TASK DIRECTIONS: The expected answer comprises all lines from the entries that contain the string "RefElevation".

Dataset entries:
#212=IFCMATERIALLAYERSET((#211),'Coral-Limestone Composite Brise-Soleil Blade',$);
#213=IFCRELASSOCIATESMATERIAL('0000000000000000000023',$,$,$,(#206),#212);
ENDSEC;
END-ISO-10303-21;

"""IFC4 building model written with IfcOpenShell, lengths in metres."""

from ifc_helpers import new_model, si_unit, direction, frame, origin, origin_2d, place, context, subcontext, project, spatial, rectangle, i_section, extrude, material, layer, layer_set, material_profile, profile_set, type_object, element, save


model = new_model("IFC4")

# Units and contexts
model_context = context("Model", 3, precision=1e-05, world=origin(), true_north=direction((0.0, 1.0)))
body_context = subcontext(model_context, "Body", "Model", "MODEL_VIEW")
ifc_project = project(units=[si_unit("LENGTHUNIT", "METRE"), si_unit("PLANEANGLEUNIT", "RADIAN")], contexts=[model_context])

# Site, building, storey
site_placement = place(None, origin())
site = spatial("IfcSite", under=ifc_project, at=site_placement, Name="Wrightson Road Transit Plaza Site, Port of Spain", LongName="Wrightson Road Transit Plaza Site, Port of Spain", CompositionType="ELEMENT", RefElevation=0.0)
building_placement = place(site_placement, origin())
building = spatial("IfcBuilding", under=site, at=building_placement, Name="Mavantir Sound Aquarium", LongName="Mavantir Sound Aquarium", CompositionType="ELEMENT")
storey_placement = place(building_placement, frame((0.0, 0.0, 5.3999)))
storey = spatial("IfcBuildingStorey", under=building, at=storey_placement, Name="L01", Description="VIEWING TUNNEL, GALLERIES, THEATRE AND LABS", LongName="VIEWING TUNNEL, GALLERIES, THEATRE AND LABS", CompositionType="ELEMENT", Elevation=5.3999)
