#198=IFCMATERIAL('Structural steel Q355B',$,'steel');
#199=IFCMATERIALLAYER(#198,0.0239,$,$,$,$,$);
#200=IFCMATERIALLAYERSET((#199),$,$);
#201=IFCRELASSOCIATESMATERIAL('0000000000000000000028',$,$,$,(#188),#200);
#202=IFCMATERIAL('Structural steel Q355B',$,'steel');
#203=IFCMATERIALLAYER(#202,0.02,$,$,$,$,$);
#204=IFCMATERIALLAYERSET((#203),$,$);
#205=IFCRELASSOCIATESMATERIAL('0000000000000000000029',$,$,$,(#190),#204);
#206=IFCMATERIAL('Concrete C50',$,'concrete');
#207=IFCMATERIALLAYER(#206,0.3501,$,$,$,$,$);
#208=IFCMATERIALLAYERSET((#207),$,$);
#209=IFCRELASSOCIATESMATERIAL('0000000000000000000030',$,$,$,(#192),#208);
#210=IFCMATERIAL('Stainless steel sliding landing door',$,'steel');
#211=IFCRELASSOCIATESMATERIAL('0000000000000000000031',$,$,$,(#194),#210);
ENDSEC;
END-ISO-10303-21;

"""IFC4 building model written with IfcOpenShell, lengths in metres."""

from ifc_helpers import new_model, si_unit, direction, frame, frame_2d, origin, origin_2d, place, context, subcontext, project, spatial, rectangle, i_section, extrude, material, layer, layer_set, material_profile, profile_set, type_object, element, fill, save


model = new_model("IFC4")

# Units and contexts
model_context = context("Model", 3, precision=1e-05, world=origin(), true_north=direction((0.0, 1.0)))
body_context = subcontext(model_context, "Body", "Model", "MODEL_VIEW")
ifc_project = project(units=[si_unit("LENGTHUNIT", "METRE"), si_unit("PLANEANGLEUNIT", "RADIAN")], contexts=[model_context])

...

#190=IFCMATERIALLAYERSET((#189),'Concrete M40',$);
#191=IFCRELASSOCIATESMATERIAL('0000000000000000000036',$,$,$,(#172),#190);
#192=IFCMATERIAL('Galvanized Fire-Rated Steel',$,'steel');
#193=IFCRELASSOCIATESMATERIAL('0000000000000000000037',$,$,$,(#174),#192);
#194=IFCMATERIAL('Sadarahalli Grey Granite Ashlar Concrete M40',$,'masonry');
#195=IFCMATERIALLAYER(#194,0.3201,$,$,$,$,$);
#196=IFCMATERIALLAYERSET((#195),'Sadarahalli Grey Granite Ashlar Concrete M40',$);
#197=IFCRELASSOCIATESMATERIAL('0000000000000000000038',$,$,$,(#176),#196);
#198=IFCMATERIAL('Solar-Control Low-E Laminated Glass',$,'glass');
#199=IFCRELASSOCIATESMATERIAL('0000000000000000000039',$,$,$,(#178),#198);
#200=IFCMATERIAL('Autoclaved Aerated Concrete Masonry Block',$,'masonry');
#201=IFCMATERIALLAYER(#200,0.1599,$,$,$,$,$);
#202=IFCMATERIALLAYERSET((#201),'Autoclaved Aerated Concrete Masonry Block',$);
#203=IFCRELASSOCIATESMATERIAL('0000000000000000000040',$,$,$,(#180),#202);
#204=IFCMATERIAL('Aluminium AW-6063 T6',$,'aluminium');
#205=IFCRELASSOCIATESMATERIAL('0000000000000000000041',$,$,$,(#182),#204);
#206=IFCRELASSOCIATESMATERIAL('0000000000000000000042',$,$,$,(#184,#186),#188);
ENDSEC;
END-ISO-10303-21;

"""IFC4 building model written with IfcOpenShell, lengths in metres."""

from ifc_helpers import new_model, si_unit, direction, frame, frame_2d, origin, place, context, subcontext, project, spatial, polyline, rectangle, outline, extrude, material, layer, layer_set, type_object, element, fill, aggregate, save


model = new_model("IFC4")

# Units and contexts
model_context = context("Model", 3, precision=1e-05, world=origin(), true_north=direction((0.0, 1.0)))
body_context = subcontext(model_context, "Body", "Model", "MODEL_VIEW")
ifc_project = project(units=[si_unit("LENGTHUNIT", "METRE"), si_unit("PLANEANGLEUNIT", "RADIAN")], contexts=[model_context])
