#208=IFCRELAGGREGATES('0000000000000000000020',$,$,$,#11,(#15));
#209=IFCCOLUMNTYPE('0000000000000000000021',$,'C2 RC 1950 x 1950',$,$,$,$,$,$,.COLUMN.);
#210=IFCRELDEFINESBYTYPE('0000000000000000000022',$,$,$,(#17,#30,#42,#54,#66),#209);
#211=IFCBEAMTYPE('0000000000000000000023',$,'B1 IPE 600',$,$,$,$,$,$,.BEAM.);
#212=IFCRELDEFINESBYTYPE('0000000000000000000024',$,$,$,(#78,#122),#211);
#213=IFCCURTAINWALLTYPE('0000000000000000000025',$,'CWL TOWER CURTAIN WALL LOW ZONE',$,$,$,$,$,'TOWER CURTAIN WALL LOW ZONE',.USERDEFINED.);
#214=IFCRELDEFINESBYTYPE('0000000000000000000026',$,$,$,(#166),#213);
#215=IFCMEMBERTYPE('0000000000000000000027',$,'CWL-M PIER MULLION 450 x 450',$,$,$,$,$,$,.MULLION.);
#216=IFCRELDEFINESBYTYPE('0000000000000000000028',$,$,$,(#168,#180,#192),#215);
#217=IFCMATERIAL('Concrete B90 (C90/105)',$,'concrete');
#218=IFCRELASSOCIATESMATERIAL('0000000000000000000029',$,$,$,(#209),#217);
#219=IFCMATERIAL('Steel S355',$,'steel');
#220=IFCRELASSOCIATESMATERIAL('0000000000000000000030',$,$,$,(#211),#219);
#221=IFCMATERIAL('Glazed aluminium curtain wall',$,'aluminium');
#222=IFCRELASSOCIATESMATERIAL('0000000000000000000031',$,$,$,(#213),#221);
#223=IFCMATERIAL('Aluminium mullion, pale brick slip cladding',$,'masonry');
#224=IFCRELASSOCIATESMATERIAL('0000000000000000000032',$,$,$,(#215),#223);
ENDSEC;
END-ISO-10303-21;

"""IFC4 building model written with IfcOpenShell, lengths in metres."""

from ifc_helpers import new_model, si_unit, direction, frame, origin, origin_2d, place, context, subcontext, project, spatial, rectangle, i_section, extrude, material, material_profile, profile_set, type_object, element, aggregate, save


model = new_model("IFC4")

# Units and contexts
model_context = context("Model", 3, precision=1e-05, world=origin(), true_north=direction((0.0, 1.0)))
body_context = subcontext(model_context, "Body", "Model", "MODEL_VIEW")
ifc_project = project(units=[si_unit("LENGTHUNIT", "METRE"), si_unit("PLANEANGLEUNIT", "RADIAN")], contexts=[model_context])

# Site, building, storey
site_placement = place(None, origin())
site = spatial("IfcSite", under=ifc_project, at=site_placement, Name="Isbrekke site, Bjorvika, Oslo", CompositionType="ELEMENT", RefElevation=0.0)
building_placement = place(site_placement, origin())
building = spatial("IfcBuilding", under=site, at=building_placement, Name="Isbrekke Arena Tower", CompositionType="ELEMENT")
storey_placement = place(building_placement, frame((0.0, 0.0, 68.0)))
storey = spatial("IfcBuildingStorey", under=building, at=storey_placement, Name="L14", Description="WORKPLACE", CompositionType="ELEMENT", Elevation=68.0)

...

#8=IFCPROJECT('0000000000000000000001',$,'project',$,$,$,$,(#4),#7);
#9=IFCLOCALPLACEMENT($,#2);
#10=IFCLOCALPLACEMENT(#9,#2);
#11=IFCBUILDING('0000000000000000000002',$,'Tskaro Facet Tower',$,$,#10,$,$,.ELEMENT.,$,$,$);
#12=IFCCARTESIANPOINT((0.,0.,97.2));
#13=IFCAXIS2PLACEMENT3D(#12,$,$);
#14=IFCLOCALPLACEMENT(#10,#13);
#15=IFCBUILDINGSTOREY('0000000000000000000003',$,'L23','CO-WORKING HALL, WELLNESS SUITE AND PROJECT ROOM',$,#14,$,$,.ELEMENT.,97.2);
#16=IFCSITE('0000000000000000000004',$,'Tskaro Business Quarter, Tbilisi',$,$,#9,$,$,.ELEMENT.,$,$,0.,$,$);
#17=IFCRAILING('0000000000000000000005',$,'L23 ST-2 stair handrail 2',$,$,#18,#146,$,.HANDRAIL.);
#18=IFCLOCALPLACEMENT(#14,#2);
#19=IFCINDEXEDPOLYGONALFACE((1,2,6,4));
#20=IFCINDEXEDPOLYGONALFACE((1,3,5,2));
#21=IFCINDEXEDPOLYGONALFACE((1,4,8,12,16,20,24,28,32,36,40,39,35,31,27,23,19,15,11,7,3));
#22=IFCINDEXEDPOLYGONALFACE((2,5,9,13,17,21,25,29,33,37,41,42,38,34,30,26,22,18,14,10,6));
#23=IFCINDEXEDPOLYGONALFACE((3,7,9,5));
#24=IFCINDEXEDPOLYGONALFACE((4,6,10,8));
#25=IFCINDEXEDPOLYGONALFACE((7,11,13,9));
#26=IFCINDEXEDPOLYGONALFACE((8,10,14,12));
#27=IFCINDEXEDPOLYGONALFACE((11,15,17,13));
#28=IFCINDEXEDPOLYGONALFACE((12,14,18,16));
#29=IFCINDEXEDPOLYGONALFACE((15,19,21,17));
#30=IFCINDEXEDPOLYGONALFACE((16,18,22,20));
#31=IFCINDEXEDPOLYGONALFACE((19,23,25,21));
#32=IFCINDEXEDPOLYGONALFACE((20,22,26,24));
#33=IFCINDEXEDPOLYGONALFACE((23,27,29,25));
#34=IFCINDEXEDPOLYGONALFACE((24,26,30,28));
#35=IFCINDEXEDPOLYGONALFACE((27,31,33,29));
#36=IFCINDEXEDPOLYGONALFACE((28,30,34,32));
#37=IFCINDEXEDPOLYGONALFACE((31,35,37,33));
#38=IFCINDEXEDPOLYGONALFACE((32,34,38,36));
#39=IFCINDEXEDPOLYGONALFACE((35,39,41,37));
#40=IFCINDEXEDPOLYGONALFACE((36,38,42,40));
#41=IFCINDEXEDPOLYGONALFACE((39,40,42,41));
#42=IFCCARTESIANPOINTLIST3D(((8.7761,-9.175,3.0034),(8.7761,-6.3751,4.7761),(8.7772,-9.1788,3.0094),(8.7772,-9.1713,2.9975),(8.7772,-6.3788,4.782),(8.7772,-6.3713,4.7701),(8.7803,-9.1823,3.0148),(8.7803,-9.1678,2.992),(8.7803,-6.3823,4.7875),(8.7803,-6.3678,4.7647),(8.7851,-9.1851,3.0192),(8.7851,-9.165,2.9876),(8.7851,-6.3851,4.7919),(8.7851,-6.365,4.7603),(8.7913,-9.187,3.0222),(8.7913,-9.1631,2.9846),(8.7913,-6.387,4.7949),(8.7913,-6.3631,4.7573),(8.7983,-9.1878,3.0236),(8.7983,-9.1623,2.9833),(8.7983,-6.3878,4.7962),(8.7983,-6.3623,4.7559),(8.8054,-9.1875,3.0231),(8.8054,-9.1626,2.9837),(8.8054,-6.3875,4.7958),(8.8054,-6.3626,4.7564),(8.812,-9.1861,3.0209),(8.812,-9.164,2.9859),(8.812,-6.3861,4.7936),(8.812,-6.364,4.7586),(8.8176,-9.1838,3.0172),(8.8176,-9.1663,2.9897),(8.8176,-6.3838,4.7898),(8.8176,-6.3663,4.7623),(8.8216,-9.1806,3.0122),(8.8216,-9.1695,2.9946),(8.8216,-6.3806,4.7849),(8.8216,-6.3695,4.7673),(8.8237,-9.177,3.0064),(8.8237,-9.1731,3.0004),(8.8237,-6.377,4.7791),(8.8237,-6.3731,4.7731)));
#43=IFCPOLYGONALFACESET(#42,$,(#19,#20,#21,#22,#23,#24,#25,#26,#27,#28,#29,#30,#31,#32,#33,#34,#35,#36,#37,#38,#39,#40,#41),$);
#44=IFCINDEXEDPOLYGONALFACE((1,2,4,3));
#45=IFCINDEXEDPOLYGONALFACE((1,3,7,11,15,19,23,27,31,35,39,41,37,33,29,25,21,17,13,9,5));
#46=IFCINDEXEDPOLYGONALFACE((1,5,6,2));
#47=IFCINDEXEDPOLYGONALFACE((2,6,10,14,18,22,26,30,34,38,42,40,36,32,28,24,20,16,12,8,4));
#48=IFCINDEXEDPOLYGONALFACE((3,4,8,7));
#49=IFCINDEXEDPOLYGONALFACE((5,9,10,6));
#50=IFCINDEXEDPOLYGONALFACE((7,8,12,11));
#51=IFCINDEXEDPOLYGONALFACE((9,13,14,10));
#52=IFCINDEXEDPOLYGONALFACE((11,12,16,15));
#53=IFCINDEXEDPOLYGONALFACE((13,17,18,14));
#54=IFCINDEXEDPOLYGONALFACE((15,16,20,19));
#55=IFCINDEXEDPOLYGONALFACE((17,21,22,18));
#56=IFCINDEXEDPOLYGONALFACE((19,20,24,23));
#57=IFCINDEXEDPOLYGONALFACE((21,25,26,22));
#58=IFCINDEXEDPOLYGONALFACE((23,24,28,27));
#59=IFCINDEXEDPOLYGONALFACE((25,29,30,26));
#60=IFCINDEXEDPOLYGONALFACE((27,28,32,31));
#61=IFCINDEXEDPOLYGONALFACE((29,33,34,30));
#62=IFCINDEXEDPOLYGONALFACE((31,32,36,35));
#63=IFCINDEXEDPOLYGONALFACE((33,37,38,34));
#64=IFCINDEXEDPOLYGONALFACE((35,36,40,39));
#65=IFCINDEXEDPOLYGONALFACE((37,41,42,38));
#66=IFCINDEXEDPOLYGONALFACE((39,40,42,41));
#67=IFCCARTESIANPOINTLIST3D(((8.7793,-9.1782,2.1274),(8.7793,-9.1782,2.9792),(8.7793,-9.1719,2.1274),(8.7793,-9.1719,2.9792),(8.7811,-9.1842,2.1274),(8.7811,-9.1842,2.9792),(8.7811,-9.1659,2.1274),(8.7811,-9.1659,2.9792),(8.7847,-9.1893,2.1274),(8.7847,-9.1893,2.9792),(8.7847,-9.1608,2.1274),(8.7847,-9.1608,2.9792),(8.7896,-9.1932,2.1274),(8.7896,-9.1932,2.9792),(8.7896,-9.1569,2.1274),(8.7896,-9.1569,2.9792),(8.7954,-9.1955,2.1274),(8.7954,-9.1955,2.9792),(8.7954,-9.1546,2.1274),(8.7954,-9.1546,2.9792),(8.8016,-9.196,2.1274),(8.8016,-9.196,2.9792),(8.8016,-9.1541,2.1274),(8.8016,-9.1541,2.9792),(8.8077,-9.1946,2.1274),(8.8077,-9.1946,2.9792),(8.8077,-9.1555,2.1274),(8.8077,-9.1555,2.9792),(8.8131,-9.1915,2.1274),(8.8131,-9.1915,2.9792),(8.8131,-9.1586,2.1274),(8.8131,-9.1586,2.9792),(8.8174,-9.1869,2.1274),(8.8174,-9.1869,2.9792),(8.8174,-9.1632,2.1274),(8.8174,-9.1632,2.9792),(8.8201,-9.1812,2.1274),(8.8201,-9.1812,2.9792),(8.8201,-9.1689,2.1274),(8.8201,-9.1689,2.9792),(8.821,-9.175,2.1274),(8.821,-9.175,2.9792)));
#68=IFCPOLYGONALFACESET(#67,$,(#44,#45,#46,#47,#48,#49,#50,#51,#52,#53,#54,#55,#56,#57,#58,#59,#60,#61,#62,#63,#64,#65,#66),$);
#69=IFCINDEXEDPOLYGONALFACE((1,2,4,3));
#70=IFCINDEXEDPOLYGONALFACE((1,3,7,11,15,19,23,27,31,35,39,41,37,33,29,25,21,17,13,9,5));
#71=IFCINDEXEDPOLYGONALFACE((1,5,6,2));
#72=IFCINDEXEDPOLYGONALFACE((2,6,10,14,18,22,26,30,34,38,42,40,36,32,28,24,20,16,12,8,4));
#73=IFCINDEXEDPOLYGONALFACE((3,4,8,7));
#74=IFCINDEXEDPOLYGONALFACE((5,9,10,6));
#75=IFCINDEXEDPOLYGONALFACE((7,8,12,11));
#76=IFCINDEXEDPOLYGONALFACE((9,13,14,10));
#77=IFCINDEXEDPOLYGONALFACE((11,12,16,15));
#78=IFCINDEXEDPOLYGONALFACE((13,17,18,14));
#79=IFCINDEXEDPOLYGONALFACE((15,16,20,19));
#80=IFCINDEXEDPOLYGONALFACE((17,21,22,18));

TASK OUTPUT:
site = spatial("IfcSite", under=ifc_project, at=site_placement, Name="Wrightson Road Transit Plaza Site, Port of Spain", LongName="Wrightson Road Transit Plaza Site, Port of Spain", CompositionType="ELEMENT", RefElevation=0.0)
site = spatial("IfcSite", under=ifc_project, at=site_placement, Name="Isbrekke site, Bjorvika, Oslo", CompositionType="ELEMENT", RefElevation=0.0)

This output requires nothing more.